**DIRECTIONS FOR THIS TASK**
Return only the lines running from the first line of the listing through the one with "#139=IFCINDEXEDPOLYGONALFACE((5,6,8,7));", unchanged.

**AVAILABLE DATA**
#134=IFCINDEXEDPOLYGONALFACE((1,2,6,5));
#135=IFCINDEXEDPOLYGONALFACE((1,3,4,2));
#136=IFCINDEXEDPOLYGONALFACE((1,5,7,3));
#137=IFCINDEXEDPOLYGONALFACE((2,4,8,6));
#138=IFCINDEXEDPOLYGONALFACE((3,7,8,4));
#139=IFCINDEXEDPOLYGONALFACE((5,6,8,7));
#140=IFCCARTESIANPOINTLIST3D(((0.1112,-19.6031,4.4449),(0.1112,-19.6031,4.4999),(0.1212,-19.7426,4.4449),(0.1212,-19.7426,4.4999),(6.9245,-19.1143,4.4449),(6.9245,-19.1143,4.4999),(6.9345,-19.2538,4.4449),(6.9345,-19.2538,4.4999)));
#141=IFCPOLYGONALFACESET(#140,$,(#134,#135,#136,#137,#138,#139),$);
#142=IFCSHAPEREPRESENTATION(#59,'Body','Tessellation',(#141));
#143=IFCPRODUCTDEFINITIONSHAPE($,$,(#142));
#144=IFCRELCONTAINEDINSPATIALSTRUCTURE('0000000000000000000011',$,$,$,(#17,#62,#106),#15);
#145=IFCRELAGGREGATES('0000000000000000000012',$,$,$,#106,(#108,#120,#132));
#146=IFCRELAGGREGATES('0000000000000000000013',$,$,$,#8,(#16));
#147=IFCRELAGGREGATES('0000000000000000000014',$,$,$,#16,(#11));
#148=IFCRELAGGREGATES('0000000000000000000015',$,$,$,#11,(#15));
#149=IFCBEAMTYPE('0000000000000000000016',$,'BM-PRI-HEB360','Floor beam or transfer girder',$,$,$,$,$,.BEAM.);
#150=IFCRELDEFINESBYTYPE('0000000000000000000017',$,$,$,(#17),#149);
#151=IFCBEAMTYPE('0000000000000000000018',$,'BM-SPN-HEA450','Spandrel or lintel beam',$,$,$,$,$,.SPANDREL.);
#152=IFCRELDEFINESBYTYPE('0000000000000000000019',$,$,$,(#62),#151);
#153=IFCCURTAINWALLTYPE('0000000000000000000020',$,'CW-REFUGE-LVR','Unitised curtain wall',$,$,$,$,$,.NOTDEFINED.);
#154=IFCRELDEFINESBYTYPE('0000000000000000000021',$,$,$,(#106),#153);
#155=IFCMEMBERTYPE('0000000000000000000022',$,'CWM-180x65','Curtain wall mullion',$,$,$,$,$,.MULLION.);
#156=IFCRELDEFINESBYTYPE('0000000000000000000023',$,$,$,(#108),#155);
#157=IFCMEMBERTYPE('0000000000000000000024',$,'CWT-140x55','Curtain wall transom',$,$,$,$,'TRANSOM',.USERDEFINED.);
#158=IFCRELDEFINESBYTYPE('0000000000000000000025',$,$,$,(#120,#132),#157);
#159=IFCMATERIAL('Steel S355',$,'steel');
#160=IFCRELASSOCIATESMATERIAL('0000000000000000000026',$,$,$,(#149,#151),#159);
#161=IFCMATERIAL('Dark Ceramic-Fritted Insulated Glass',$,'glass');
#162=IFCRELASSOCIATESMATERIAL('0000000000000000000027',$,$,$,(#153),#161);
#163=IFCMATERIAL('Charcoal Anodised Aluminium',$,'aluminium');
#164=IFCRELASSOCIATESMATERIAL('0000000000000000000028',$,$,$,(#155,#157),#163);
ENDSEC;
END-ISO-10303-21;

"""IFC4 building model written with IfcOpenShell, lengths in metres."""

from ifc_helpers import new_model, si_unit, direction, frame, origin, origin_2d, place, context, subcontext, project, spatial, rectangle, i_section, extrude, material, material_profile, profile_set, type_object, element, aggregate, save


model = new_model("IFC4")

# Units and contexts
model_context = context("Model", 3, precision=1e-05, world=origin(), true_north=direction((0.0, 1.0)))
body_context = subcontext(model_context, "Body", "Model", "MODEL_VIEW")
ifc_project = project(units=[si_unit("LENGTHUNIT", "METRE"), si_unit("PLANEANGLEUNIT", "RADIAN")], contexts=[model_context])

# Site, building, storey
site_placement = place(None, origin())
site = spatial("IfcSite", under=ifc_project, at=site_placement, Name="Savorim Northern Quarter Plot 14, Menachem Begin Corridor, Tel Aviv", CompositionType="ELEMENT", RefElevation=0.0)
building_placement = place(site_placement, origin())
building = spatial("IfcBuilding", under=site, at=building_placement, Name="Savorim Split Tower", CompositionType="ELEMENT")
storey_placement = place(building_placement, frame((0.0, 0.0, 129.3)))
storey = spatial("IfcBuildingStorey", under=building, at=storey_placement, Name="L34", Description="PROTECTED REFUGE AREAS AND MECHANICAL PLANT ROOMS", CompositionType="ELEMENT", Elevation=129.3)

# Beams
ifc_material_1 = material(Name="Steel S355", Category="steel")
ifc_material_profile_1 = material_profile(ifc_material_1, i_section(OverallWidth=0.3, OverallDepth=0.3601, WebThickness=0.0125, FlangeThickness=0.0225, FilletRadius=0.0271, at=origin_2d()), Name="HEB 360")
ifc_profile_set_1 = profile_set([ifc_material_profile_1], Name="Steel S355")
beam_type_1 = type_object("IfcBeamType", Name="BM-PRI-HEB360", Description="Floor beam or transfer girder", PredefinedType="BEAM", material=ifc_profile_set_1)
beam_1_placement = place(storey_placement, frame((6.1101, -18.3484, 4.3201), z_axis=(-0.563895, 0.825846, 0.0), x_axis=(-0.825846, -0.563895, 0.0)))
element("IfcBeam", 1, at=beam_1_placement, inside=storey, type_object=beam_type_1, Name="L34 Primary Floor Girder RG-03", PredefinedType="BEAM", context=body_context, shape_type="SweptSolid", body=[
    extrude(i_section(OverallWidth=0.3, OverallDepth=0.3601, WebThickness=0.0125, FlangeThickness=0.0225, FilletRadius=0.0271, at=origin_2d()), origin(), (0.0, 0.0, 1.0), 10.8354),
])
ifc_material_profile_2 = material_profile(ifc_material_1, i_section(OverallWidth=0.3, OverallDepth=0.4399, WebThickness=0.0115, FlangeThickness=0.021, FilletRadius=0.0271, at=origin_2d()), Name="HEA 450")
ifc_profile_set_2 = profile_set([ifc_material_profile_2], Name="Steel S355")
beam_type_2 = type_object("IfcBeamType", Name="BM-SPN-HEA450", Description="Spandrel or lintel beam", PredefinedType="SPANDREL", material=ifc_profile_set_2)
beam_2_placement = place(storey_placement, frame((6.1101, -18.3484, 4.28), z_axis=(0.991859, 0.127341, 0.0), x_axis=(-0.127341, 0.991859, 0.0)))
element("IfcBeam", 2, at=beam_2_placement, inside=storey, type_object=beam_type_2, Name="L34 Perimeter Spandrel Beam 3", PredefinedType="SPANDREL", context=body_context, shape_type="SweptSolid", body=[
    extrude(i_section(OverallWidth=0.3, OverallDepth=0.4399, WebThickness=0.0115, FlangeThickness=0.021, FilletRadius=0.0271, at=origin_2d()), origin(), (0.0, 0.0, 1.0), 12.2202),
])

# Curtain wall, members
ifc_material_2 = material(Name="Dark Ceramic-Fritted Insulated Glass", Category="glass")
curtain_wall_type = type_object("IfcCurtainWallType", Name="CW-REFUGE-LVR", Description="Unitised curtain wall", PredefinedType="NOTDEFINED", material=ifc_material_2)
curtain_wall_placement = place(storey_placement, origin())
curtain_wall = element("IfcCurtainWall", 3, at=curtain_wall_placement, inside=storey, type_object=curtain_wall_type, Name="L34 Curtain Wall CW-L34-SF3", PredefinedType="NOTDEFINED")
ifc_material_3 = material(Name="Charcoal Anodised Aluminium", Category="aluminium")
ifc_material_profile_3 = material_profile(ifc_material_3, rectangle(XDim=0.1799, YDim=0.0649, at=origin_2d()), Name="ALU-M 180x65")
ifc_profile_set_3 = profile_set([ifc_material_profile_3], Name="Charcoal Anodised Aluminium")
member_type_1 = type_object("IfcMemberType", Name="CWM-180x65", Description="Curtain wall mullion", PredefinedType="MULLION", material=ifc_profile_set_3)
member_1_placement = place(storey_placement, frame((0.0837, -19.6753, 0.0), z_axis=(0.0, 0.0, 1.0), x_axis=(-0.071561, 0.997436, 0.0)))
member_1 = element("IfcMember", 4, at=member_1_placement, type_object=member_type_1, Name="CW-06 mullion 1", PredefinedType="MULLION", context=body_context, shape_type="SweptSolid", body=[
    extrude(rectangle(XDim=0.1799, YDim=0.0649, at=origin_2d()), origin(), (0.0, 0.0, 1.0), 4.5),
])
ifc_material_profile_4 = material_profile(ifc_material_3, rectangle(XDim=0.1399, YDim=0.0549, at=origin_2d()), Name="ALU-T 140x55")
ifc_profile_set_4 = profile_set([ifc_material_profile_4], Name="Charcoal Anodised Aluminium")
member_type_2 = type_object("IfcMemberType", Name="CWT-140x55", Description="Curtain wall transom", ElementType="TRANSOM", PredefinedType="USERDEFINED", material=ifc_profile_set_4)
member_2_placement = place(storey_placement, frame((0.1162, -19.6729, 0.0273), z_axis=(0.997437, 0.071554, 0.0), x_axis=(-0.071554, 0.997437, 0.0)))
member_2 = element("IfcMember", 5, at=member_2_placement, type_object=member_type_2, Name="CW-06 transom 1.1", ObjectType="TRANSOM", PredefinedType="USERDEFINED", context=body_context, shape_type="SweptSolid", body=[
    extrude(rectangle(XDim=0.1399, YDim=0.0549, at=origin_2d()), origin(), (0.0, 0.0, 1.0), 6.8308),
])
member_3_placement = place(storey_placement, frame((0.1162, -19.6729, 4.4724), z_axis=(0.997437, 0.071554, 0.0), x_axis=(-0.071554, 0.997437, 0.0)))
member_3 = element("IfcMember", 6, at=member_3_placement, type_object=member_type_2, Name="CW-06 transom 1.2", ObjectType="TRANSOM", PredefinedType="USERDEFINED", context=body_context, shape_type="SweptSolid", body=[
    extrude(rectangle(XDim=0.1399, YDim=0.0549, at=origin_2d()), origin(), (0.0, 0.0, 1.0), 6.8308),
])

**RESPONSE BELOW**
#134=IFCINDEXEDPOLYGONALFACE((1,2,6,5));
#135=IFCINDEXEDPOLYGONALFACE((1,3,4,2));
#136=IFCINDEXEDPOLYGONALFACE((1,5,7,3));
#137=IFCINDEXEDPOLYGONALFACE((2,4,8,6));
#138=IFCINDEXEDPOLYGONALFACE((3,7,8,4));
#139=IFCINDEXEDPOLYGONALFACE((5,6,8,7));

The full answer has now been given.